Saved entries
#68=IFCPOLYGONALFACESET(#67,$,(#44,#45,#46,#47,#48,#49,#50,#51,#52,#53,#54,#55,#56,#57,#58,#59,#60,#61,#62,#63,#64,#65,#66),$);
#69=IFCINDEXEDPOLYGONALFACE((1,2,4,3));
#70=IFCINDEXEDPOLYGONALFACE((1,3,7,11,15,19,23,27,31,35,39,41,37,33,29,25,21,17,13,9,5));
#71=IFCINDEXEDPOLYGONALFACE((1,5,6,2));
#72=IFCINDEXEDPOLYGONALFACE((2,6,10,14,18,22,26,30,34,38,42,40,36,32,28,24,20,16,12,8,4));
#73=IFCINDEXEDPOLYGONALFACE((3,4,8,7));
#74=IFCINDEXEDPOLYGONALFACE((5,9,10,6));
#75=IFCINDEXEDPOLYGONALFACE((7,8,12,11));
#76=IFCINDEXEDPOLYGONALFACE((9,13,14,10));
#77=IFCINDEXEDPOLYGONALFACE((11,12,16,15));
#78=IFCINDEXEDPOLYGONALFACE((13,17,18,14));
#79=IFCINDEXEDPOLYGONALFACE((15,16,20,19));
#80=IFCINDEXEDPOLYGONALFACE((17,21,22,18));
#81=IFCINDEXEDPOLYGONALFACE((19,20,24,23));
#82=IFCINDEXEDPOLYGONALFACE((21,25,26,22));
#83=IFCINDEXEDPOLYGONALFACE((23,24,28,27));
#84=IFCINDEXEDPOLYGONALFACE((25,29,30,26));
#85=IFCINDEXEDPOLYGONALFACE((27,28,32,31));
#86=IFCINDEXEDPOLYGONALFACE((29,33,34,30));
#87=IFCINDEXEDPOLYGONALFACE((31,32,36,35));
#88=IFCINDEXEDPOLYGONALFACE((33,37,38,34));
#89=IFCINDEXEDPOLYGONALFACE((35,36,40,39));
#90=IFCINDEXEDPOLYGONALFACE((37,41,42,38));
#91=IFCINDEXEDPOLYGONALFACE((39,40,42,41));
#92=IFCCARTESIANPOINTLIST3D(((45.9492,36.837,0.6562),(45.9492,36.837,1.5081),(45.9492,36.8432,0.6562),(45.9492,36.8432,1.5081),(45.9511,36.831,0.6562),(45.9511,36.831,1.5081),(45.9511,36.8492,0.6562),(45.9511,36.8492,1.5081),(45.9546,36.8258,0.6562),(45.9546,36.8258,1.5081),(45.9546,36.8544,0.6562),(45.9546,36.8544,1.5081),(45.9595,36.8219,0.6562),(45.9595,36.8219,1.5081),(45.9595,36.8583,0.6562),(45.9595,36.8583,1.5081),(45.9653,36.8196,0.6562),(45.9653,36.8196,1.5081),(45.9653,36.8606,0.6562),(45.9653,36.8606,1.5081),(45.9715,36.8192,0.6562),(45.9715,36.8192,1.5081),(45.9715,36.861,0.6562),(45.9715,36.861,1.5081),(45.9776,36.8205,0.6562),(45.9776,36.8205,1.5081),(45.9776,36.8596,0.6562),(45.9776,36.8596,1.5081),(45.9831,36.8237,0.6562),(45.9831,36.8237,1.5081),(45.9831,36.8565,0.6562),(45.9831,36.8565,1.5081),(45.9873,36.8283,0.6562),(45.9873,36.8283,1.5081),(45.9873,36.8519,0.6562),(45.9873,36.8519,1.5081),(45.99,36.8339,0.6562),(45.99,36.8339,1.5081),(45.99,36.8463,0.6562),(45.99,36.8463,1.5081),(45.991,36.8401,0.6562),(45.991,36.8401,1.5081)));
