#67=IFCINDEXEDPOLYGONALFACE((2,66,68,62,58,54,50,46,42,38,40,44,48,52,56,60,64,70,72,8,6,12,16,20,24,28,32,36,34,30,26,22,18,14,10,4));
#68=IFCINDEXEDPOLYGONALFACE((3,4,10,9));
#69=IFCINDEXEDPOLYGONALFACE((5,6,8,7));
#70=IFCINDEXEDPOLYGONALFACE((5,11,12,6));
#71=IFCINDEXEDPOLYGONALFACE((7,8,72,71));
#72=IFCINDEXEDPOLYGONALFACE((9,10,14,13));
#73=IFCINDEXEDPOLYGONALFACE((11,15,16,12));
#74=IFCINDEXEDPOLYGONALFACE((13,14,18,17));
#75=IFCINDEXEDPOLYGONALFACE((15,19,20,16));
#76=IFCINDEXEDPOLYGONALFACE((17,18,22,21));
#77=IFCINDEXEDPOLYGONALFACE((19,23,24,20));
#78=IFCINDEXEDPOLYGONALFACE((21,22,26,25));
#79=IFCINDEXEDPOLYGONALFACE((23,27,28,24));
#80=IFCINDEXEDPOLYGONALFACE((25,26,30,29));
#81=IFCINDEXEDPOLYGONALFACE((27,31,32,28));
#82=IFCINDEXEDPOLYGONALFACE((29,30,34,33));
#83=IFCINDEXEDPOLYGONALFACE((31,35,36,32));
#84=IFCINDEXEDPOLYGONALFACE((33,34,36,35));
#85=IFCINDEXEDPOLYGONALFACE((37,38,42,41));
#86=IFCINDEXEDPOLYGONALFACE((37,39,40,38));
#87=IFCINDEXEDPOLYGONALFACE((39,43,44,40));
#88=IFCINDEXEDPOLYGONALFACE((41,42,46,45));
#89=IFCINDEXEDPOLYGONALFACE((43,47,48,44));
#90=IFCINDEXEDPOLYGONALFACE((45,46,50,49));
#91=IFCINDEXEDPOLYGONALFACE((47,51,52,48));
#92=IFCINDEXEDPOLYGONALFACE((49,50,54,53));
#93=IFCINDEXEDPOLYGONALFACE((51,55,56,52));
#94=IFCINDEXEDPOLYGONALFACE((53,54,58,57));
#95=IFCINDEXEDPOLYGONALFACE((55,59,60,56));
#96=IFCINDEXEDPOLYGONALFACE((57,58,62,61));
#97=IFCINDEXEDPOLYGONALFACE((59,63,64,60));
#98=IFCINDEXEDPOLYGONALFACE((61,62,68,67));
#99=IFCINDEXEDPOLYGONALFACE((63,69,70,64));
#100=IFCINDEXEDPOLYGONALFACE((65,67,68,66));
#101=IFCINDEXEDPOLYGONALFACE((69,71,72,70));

— BRIEF —
Proceeding from the line containing "#89=IFCINDEXEDPOLYGONALFACE((43,47,48,44));" through the line containing "#97=IFCINDEXEDPOLYGONALFACE((59,63,64,60));", transcribe the lines above exactly, both end lines included.

— ANSWER BOX —
#89=IFCINDEXEDPOLYGONALFACE((43,47,48,44));
#90=IFCINDEXEDPOLYGONALFACE((45,46,50,49));
#91=IFCINDEXEDPOLYGONALFACE((47,51,52,48));
#92=IFCINDEXEDPOLYGONALFACE((49,50,54,53));
#93=IFCINDEXEDPOLYGONALFACE((51,55,56,52));
#94=IFCINDEXEDPOLYGONALFACE((53,54,58,57));
#95=IFCINDEXEDPOLYGONALFACE((55,59,60,56));
#96=IFCINDEXEDPOLYGONALFACE((57,58,62,61));
#97=IFCINDEXEDPOLYGONALFACE((59,63,64,60));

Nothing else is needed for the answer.